● **DATA FOR THIS TASK**:

——

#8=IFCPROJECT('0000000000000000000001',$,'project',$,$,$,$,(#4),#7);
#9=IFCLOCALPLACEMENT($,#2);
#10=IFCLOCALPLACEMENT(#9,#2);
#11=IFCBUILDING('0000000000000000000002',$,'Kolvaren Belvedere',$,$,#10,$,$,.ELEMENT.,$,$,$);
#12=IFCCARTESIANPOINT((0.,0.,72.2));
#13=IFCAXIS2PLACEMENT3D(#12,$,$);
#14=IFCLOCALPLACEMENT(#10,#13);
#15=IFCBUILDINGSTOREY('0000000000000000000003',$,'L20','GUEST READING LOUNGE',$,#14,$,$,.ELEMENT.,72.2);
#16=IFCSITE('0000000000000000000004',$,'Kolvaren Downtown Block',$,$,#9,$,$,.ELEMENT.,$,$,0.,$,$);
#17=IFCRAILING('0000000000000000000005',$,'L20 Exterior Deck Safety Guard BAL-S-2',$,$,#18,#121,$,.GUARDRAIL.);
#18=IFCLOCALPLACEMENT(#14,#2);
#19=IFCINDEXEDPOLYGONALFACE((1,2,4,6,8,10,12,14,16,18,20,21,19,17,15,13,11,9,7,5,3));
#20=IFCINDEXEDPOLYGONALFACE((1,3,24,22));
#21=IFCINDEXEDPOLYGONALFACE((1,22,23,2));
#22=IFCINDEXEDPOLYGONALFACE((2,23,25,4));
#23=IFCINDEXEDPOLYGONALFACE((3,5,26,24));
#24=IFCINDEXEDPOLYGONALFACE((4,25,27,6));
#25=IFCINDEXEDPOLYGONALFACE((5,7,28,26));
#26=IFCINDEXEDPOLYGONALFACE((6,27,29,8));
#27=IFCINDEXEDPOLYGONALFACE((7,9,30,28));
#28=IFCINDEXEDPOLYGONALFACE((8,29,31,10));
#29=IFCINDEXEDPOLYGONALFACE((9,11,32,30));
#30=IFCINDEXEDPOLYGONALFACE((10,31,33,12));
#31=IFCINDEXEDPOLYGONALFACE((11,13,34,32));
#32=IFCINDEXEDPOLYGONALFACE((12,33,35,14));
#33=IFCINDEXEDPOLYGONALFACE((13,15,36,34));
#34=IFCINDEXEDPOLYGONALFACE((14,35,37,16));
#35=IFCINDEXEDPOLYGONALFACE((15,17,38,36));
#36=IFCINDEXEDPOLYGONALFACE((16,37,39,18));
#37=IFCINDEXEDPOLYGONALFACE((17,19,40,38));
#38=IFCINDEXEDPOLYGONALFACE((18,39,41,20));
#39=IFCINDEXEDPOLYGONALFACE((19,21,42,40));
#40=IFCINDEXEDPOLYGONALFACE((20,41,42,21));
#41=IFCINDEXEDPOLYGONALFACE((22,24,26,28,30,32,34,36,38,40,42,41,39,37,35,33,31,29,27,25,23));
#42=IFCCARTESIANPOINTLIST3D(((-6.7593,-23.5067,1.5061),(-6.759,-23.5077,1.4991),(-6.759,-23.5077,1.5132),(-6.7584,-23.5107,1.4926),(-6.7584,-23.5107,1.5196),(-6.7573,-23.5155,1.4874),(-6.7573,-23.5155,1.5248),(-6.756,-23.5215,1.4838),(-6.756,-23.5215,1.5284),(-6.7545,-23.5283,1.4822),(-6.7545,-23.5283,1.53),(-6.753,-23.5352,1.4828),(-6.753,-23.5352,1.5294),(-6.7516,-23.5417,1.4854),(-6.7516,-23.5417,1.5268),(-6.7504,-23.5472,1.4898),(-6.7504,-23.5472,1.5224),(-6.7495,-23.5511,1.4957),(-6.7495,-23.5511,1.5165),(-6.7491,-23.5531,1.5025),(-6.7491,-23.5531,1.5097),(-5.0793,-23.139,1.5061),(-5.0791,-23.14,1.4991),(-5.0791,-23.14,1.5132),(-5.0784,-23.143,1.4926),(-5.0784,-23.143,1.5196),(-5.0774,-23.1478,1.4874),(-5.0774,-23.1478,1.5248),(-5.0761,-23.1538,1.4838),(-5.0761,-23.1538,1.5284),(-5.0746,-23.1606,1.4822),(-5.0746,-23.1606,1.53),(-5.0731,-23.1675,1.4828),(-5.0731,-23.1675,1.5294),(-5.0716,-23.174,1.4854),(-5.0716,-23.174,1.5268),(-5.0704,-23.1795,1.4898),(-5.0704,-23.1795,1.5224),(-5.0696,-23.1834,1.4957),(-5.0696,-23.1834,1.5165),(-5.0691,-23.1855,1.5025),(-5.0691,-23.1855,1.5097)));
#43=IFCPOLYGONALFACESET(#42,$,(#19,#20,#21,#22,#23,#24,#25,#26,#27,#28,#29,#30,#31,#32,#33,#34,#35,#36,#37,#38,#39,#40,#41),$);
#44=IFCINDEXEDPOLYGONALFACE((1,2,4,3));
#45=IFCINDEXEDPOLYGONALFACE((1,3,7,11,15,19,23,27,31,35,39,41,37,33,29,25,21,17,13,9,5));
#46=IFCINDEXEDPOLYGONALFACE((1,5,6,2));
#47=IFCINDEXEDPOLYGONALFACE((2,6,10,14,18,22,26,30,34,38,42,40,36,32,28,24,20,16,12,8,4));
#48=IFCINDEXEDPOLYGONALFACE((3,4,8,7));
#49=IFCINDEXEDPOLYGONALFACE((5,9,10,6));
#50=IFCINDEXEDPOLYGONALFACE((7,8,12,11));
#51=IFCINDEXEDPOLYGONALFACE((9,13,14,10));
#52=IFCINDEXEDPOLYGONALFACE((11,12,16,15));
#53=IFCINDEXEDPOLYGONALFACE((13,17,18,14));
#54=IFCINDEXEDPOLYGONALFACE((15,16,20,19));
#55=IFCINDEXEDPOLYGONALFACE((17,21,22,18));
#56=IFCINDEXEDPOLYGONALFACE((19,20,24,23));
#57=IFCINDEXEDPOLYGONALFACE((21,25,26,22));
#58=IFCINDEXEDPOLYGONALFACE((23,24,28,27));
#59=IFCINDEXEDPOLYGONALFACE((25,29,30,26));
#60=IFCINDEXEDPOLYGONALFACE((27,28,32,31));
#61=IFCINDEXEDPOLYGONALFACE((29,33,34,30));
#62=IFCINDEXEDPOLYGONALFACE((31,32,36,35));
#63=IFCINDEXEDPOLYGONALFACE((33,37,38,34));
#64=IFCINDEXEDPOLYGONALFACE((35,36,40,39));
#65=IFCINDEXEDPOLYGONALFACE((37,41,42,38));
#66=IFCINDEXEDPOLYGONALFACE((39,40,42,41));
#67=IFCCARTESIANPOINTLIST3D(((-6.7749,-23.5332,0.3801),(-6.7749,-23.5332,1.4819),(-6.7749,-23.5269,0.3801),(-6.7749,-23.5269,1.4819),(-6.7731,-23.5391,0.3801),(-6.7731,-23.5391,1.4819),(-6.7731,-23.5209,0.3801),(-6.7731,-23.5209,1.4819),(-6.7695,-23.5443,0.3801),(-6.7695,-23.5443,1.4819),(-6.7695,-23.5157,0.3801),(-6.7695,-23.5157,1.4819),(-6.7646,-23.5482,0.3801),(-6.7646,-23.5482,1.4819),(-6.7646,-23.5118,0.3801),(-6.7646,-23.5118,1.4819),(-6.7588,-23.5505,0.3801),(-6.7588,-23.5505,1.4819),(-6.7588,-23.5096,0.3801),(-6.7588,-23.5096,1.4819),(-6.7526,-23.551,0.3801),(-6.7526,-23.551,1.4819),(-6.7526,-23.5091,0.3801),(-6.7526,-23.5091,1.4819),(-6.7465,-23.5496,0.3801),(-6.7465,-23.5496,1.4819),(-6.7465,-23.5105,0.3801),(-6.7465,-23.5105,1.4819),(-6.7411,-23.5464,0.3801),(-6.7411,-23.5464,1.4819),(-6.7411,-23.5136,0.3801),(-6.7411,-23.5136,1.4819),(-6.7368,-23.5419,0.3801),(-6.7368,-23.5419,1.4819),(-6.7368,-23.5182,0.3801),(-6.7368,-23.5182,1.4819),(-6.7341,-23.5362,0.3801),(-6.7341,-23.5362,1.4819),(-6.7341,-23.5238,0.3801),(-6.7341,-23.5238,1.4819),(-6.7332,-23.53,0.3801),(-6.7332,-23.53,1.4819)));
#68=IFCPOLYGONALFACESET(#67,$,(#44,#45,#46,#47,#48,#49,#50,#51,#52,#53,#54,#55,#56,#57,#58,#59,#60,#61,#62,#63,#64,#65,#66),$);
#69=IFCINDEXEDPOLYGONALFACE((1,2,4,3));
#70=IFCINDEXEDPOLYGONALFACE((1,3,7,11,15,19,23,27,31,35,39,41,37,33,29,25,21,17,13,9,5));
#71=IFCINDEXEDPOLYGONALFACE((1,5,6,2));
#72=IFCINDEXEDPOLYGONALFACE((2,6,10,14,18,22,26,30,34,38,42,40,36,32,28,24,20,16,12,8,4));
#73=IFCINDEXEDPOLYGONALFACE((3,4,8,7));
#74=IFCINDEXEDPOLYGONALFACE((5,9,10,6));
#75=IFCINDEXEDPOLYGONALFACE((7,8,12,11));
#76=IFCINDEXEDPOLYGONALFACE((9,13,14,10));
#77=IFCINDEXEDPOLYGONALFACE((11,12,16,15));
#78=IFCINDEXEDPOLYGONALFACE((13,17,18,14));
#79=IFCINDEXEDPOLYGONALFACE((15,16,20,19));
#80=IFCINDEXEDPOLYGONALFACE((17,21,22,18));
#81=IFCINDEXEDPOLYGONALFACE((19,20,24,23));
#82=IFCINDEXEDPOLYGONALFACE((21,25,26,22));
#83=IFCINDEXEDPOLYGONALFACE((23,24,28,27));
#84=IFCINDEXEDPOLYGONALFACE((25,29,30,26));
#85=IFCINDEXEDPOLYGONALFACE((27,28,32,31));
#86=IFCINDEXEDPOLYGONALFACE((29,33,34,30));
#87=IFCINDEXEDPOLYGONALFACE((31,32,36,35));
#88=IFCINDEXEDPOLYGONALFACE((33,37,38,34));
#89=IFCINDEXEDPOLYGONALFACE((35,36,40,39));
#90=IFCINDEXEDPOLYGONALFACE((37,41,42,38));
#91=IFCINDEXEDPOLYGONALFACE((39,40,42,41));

——

Retype exactly, and only, the lines above from the one where "#64=IFCINDEXEDPOLYGONALFACE((35,36,40,39));" occurs up to and including the one where "#66=IFCINDEXEDPOLYGONALFACE((39,40,42,41));" occurs.

● **SOLUTION TO THIS TASK**:
#64=IFCINDEXEDPOLYGONALFACE((35,36,40,39));
#65=IFCINDEXEDPOLYGONALFACE((37,41,42,38));
#66=IFCINDEXEDPOLYGONALFACE((39,40,42,41));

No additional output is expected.